■ Task statement:
Each line of the data that includes the string "RelatedObjects" is to be copied out.

START Provided records

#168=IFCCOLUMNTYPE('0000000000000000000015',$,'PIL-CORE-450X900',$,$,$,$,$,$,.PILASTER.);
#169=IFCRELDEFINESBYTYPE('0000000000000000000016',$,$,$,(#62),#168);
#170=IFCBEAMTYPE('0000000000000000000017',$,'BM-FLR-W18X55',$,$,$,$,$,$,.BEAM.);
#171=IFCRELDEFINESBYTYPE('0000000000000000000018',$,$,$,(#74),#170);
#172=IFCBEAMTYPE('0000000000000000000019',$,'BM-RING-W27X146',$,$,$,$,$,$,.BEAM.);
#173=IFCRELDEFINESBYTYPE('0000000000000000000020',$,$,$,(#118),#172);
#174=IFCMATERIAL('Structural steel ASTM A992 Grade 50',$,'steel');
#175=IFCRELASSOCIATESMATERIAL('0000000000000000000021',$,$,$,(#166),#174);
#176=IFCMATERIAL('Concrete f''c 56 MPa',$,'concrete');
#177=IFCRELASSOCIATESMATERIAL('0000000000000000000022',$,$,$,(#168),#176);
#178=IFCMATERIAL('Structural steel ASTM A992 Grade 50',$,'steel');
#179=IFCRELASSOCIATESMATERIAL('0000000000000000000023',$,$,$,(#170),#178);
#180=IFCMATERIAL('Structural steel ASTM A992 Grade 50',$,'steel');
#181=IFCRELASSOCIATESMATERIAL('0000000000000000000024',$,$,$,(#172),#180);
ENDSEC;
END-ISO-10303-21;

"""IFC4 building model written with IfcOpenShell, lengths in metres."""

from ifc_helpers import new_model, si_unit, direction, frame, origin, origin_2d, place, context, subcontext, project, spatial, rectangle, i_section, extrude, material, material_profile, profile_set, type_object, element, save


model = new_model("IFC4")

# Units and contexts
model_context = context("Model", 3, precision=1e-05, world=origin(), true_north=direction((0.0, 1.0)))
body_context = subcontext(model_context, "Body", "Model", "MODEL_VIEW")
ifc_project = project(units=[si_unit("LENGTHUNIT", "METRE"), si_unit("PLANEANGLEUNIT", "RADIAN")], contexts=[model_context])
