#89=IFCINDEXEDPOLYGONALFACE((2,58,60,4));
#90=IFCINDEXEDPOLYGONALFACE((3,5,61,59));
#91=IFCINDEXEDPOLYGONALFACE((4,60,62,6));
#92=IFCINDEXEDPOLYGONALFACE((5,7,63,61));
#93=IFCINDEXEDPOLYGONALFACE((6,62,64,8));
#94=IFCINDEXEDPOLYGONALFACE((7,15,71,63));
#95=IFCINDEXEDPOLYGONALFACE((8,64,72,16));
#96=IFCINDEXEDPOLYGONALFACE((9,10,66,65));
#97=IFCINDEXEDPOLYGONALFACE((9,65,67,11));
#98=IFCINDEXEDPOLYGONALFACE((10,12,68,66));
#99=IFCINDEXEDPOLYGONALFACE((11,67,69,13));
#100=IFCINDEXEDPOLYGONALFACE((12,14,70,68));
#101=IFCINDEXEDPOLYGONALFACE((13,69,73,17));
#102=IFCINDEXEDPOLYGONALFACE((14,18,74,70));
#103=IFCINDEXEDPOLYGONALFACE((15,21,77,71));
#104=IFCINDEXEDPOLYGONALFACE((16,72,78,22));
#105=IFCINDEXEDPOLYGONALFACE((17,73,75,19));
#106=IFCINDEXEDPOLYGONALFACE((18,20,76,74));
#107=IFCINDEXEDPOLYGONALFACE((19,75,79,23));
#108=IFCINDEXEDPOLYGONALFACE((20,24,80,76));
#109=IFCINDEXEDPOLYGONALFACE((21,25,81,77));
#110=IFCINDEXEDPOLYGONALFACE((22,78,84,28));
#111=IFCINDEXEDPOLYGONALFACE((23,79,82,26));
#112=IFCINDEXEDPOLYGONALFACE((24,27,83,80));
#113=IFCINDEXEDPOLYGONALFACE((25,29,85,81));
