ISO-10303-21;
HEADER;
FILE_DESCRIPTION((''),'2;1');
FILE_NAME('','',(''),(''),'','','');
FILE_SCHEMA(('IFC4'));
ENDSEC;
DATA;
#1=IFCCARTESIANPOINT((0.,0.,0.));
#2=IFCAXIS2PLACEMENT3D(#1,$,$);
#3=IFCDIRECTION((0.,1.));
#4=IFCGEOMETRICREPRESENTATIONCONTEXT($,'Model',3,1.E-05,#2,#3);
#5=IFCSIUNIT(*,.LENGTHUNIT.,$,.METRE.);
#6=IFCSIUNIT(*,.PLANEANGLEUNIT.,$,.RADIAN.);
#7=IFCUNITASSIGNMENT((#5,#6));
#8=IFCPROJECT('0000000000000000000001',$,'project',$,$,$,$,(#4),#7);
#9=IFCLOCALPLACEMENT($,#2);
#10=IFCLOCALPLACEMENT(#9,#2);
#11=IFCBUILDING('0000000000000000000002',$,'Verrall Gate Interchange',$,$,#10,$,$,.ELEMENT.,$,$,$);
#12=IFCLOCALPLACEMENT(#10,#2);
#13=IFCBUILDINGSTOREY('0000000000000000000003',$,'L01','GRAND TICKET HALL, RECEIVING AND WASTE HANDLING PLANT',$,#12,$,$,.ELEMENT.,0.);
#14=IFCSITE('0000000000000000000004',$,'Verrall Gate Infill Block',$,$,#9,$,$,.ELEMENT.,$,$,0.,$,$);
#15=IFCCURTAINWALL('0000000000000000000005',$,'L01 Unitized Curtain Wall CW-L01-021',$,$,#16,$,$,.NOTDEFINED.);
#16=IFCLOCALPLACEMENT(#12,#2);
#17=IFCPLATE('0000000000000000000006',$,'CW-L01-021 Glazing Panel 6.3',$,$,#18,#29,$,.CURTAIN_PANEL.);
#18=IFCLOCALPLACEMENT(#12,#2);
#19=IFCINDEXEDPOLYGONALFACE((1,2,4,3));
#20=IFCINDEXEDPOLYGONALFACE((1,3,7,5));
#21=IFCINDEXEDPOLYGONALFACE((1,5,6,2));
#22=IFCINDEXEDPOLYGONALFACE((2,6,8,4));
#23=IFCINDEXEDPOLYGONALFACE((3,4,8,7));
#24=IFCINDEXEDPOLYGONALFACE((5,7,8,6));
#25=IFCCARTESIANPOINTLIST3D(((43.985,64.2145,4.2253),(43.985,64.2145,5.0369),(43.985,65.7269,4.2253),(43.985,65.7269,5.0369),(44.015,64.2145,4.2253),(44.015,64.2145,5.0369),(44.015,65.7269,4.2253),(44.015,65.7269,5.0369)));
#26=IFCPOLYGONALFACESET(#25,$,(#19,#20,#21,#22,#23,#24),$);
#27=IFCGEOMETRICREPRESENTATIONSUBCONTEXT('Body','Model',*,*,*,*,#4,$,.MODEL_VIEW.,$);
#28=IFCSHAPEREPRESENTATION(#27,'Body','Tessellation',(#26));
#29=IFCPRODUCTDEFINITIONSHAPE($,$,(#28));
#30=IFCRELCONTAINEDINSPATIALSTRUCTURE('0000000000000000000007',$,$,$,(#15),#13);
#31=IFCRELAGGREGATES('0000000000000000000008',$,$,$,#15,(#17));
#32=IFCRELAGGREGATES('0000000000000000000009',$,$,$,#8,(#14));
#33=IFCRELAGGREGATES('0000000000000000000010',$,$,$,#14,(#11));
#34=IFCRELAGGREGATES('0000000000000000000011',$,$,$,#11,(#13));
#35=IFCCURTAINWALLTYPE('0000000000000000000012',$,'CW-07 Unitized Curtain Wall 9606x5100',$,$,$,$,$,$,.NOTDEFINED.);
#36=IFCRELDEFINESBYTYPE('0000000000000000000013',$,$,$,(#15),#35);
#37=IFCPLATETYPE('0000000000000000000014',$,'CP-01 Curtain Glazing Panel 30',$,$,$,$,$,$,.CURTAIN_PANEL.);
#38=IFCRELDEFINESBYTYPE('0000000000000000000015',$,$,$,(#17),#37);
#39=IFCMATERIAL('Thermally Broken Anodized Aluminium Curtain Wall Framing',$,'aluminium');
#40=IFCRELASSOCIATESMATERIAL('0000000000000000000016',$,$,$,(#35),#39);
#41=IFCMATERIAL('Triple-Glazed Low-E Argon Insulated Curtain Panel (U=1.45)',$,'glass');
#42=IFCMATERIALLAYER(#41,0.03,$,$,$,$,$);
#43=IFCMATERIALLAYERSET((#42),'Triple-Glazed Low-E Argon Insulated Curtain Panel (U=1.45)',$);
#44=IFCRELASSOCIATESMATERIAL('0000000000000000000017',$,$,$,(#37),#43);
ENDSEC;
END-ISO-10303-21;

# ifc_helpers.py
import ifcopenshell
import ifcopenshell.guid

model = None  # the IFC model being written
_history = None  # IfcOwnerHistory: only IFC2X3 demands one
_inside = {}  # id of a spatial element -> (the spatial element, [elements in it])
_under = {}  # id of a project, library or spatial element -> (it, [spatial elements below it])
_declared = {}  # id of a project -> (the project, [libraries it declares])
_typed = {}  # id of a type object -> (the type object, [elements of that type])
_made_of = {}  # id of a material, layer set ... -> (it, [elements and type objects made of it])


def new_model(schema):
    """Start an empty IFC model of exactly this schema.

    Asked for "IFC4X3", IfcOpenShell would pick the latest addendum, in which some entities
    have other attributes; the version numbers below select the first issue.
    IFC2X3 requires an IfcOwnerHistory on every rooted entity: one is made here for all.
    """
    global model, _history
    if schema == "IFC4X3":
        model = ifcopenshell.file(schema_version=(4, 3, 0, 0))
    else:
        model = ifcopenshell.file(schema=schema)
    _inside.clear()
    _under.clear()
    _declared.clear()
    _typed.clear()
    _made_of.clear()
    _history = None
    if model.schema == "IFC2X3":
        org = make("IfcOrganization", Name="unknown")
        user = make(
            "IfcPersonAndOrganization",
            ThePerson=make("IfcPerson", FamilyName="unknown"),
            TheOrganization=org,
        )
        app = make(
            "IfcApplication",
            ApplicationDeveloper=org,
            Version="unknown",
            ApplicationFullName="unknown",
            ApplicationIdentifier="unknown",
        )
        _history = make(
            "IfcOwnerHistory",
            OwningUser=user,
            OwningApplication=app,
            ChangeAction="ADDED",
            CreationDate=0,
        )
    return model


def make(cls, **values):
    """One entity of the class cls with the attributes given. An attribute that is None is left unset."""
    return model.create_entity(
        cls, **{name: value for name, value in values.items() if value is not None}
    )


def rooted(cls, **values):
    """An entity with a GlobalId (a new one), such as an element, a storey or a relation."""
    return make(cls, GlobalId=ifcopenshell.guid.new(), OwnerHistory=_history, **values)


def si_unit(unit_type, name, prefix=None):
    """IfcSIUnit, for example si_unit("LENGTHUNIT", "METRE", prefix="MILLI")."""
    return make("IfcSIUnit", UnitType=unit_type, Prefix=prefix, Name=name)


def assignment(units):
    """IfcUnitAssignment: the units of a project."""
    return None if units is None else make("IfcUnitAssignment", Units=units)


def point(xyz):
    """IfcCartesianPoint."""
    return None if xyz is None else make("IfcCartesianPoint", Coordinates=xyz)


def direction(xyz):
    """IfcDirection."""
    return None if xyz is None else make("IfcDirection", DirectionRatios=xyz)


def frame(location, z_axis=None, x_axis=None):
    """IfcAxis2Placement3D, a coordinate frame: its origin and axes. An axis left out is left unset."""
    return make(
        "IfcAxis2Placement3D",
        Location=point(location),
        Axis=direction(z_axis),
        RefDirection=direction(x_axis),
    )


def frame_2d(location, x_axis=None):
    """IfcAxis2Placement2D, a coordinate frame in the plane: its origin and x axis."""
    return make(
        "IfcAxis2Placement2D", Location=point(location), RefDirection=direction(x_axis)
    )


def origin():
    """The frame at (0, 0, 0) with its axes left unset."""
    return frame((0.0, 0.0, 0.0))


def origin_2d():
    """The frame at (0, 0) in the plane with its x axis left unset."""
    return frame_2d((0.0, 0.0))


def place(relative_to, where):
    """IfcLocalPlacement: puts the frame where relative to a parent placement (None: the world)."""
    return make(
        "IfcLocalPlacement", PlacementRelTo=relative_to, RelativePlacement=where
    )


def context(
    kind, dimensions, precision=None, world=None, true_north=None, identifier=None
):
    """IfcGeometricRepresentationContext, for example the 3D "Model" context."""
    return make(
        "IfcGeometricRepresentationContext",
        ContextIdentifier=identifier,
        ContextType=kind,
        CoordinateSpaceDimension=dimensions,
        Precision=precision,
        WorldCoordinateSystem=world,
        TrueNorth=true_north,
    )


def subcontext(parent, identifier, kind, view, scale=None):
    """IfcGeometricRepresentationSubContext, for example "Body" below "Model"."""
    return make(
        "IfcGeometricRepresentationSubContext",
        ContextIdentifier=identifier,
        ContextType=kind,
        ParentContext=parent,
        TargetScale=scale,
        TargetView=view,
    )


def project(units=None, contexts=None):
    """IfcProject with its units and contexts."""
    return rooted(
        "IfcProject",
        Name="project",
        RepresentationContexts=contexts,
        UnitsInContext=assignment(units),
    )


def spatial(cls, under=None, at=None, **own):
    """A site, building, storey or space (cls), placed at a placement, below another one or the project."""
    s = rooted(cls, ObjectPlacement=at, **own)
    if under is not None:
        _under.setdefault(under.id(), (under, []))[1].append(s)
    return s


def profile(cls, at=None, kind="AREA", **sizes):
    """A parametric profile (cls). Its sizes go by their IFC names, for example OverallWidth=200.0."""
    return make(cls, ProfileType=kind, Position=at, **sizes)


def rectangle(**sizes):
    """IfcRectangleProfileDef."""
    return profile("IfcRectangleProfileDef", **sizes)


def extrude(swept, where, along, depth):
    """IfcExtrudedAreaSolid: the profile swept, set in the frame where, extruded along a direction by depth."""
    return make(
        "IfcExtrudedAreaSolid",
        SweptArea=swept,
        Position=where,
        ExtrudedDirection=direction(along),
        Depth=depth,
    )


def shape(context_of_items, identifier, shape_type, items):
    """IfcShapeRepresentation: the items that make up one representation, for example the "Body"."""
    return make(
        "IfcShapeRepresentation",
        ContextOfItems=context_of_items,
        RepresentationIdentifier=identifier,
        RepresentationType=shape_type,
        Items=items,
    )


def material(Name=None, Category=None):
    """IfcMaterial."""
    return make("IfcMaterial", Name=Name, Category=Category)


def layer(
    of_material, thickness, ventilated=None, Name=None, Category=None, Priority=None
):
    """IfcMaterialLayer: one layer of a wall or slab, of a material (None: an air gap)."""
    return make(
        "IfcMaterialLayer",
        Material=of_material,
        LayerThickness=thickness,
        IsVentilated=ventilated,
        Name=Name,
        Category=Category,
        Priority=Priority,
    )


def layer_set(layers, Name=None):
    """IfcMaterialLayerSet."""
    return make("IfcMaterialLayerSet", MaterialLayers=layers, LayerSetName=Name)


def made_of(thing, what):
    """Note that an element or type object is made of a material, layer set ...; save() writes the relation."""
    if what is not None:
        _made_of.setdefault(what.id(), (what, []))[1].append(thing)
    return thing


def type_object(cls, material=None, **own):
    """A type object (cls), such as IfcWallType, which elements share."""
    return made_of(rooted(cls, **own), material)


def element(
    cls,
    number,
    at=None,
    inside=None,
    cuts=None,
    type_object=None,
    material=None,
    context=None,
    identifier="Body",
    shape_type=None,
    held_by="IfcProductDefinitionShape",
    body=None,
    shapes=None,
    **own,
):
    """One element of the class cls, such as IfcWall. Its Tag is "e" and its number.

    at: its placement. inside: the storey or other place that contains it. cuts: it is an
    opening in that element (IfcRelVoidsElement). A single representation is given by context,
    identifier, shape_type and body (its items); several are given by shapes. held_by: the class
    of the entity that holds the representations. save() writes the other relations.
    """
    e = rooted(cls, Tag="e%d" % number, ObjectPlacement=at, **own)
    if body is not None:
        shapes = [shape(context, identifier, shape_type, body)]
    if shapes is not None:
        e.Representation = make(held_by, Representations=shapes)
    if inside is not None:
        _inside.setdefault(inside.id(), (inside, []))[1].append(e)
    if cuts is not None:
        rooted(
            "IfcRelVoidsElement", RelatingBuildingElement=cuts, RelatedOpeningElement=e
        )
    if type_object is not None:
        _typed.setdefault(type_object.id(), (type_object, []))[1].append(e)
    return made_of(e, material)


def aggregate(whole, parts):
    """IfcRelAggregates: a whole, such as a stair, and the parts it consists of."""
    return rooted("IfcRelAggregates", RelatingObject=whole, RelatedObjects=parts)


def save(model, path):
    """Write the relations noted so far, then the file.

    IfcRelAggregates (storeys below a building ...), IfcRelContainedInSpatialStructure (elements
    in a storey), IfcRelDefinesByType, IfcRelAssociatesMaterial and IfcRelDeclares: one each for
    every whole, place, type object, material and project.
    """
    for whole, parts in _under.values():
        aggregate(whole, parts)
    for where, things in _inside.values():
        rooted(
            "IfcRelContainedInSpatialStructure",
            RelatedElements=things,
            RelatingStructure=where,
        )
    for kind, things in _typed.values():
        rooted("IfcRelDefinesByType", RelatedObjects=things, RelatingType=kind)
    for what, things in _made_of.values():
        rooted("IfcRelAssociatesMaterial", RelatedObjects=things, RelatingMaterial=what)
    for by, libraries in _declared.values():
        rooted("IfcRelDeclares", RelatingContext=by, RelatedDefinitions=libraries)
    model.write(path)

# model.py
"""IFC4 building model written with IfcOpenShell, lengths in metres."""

from ifc_helpers import new_model, si_unit, direction, frame, origin, origin_2d, place, context, subcontext, project, spatial, rectangle, extrude, material, layer, layer_set, type_object, element, aggregate, save


model = new_model("IFC4")

# Units and contexts
model_context = context("Model", 3, precision=1e-05, world=origin(), true_north=direction((0.0, 1.0)))
body_context = subcontext(model_context, "Body", "Model", "MODEL_VIEW")
ifc_project = project(units=[si_unit("LENGTHUNIT", "METRE"), si_unit("PLANEANGLEUNIT", "RADIAN")], contexts=[model_context])

# Site, building, storey
site_placement = place(None, origin())
site = spatial("IfcSite", under=ifc_project, at=site_placement, Name="Verrall Gate Infill Block", CompositionType="ELEMENT", RefElevation=0.0)
building_placement = place(site_placement, origin())
building = spatial("IfcBuilding", under=site, at=building_placement, Name="Verrall Gate Interchange", CompositionType="ELEMENT")
storey_placement = place(building_placement, origin())
storey = spatial("IfcBuildingStorey", under=building, at=storey_placement, Name="L01", Description="GRAND TICKET HALL, RECEIVING AND WASTE HANDLING PLANT", CompositionType="ELEMENT", Elevation=0.0)

# Curtain wall
ifc_material_1 = material(Name="Thermally Broken Anodized Aluminium Curtain Wall Framing", Category="aluminium")
curtain_wall_type_1 = type_object("IfcCurtainWallType", Name="CW-07 Unitized Curtain Wall 9606x5100", PredefinedType="NOTDEFINED", material=ifc_material_1)
curtain_wall_1_placement = place(storey_placement, origin())
curtain_wall_1 = element("IfcCurtainWall", 1, at=curtain_wall_1_placement, inside=storey, type_object=curtain_wall_type_1, Name="L01 Unitized Curtain Wall CW-L01-021", PredefinedType="NOTDEFINED")

# Plate
ifc_material_2 = material(Name="Triple-Glazed Low-E Argon Insulated Curtain Panel (U=1.45)", Category="glass")
ifc_layer_1 = layer(ifc_material_2, 0.03)
ifc_layer_set_1 = layer_set([ifc_layer_1], Name="Triple-Glazed Low-E Argon Insulated Curtain Panel (U=1.45)")
plate_type_1 = type_object("IfcPlateType", Name="CP-01 Curtain Glazing Panel 30", PredefinedType="CURTAIN_PANEL", material=ifc_layer_set_1)
plate_1_placement = place(storey_placement, frame((44.0, 64.9707, 4.2253), z_axis=(0.0, 0.0, 1.0), x_axis=(0.0, 1.0, 0.0)))
plate_1 = element("IfcPlate", 2, at=plate_1_placement, type_object=plate_type_1, Name="CW-L01-021 Glazing Panel 6.3", PredefinedType="CURTAIN_PANEL", context=body_context, shape_type="SweptSolid", body=[
    extrude(rectangle(XDim=1.5125, YDim=0.03, at=origin_2d()), origin(), (0.0, 0.0, 1.0), 0.8115),
])
aggregate(curtain_wall_1, [plate_1])

save(model, "model.ifc")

END Provided records

■ Response:
    return rooted("IfcRelAggregates", RelatingObject=whole, RelatedObjects=parts)
        rooted("IfcRelDefinesByType", RelatedObjects=things, RelatingType=kind)
        rooted("IfcRelAssociatesMaterial", RelatedObjects=things, RelatingMaterial=what)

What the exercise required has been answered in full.